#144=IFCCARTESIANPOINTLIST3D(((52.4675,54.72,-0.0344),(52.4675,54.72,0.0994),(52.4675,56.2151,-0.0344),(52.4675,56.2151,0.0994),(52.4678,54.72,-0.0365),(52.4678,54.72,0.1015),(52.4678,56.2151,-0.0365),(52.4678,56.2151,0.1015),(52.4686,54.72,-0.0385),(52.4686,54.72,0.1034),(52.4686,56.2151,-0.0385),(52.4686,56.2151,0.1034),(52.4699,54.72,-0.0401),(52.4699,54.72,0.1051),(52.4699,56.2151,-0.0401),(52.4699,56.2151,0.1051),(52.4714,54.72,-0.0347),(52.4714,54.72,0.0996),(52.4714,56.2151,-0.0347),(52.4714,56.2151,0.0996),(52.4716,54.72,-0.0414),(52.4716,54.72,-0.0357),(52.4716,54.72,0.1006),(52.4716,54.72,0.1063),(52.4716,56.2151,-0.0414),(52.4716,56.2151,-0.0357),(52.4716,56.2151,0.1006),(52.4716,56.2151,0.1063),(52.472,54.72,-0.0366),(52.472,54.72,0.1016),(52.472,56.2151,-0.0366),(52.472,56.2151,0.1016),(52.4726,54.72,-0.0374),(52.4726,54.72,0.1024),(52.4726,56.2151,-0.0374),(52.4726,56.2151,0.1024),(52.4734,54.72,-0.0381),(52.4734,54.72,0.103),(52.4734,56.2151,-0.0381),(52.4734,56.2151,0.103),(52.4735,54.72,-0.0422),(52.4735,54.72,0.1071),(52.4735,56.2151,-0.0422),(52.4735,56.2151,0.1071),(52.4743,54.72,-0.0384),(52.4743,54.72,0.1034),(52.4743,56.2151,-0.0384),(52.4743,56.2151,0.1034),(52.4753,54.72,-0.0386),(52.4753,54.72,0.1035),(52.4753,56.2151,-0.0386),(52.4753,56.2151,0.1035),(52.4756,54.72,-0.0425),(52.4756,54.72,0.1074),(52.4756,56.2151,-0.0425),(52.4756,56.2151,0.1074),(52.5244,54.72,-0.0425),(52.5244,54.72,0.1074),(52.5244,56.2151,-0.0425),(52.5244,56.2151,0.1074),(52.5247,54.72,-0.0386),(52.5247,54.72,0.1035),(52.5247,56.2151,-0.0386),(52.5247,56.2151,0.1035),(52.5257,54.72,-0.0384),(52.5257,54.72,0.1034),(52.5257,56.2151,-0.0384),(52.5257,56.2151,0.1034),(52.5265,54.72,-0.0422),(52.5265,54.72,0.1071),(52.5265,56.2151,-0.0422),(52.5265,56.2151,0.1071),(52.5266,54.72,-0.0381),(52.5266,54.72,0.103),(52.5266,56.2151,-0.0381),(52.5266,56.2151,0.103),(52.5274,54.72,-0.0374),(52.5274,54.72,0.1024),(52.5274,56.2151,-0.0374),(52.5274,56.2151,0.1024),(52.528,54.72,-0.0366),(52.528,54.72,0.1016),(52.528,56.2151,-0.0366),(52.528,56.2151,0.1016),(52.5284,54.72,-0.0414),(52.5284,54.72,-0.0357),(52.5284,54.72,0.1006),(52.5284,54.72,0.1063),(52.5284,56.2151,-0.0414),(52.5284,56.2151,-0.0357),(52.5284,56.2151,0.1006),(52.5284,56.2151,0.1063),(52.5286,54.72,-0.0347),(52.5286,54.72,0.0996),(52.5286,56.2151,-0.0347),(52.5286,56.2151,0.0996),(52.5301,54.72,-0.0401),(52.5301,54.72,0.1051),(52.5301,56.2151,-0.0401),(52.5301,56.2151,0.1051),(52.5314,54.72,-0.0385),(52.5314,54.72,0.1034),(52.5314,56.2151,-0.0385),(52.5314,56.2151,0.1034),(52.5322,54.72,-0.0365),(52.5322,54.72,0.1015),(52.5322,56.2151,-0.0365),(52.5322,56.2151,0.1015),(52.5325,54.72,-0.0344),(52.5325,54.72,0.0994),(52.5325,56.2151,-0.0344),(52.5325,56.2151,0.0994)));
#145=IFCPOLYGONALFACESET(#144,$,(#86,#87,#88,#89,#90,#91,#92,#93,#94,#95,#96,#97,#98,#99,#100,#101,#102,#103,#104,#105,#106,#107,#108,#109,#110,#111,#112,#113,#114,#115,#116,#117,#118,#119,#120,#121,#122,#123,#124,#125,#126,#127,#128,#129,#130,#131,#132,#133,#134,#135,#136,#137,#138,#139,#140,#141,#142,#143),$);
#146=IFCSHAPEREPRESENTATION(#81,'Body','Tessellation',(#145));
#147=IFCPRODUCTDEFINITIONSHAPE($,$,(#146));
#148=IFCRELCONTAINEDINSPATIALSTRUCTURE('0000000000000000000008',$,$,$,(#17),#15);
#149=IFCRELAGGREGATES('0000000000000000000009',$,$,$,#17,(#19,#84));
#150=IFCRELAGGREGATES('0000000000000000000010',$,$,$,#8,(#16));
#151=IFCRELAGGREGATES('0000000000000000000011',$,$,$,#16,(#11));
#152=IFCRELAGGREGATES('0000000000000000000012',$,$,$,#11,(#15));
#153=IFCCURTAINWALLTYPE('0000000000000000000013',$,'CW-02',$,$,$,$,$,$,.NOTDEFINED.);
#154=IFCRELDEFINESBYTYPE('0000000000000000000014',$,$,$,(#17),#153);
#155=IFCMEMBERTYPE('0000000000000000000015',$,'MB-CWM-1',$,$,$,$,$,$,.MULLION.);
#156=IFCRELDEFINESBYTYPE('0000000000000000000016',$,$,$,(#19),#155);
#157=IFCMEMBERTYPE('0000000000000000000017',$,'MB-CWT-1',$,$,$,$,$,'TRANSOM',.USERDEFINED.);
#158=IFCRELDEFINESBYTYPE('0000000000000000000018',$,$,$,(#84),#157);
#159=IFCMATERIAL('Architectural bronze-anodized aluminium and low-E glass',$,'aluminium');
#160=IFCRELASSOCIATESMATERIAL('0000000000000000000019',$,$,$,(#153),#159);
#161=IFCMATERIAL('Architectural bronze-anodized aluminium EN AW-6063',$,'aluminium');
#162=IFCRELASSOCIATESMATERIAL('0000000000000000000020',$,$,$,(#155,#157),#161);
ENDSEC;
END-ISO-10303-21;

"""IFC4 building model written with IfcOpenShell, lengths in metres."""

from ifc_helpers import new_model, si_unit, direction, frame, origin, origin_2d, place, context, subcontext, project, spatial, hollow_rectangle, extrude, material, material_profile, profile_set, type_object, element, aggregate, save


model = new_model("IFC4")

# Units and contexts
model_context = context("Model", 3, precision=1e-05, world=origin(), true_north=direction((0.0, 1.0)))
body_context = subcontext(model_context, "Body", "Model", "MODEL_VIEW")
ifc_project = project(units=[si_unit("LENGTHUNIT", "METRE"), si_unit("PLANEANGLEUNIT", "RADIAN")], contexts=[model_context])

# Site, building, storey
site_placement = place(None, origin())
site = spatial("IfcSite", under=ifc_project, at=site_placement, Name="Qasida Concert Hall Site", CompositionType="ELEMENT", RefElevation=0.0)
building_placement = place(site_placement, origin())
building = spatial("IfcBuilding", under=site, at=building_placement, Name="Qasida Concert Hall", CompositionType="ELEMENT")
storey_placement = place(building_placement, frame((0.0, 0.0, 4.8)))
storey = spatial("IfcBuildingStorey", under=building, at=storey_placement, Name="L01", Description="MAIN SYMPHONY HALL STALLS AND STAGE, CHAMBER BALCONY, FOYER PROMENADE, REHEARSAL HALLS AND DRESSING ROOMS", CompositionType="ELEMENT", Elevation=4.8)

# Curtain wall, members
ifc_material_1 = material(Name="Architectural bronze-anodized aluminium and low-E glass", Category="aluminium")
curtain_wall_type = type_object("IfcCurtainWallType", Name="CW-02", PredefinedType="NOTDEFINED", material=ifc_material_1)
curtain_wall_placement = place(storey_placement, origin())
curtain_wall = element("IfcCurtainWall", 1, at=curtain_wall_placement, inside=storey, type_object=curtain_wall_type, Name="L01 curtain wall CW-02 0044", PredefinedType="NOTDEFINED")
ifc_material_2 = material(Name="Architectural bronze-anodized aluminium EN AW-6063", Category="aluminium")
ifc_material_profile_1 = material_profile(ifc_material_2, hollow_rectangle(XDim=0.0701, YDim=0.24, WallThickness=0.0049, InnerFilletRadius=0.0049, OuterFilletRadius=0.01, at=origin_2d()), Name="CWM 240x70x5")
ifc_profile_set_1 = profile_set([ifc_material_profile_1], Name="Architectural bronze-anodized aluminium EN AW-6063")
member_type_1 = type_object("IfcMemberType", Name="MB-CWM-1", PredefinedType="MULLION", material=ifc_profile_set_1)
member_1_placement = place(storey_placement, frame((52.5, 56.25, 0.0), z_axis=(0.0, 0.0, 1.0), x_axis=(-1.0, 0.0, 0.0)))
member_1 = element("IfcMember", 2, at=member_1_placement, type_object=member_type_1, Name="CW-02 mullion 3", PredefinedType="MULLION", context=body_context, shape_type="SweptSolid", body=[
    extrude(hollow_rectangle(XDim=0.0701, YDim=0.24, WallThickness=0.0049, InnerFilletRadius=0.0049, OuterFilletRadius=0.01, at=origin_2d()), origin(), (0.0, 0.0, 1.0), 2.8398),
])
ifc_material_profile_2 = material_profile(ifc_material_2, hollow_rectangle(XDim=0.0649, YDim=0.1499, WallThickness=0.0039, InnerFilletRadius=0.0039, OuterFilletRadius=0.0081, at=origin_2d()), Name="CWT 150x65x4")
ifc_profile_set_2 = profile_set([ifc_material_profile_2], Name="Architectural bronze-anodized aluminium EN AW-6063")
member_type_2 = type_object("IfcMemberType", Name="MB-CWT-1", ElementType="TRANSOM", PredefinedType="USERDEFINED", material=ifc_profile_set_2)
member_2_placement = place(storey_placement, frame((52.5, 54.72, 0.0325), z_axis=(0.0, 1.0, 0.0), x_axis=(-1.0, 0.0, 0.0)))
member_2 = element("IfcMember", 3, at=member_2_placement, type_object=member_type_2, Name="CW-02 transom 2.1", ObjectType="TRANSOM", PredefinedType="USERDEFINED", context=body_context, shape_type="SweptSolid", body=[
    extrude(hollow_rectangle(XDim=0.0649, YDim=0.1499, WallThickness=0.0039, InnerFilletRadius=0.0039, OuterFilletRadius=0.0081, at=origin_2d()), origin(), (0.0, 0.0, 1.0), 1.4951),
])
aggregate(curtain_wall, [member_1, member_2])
+ + + + +
TRY IT
Repeat, character for character, the lines of the material above from the line with "#161=IFCMATERIAL('Architectural bronze-anodized aluminium" through the line with "curtain wall CW-02".

SOLUTION TO THIS EXERCISE
#161=IFCMATERIAL('Architectural bronze-anodized aluminium EN AW-6063',$,'aluminium');
#162=IFCRELASSOCIATESMATERIAL('0000000000000000000020',$,$,$,(#155,#157),#161);
ENDSEC;
END-ISO-10303-21;

"""IFC4 building model written with IfcOpenShell, lengths in metres."""

from ifc_helpers import new_model, si_unit, direction, frame, origin, origin_2d, place, context, subcontext, project, spatial, hollow_rectangle, extrude, material, material_profile, profile_set, type_object, element, aggregate, save


model = new_model("IFC4")

# Units and contexts
model_context = context("Model", 3, precision=1e-05, world=origin(), true_north=direction((0.0, 1.0)))
body_context = subcontext(model_context, "Body", "Model", "MODEL_VIEW")
ifc_project = project(units=[si_unit("LENGTHUNIT", "METRE"), si_unit("PLANEANGLEUNIT", "RADIAN")], contexts=[model_context])

# Site, building, storey
site_placement = place(None, origin())
site = spatial("IfcSite", under=ifc_project, at=site_placement, Name="Qasida Concert Hall Site", CompositionType="ELEMENT", RefElevation=0.0)
building_placement = place(site_placement, origin())
building = spatial("IfcBuilding", under=site, at=building_placement, Name="Qasida Concert Hall", CompositionType="ELEMENT")
storey_placement = place(building_placement, frame((0.0, 0.0, 4.8)))
storey = spatial("IfcBuildingStorey", under=building, at=storey_placement, Name="L01", Description="MAIN SYMPHONY HALL STALLS AND STAGE, CHAMBER BALCONY, FOYER PROMENADE, REHEARSAL HALLS AND DRESSING ROOMS", CompositionType="ELEMENT", Elevation=4.8)

# Curtain wall, members
ifc_material_1 = material(Name="Architectural bronze-anodized aluminium and low-E glass", Category="aluminium")
curtain_wall_type = type_object("IfcCurtainWallType", Name="CW-02", PredefinedType="NOTDEFINED", material=ifc_material_1)
curtain_wall_placement = place(storey_placement, origin())
curtain_wall = element("IfcCurtainWall", 1, at=curtain_wall_placement, inside=storey, type_object=curtain_wall_type, Name="L01 curtain wall CW-02 0044", PredefinedType="NOTDEFINED")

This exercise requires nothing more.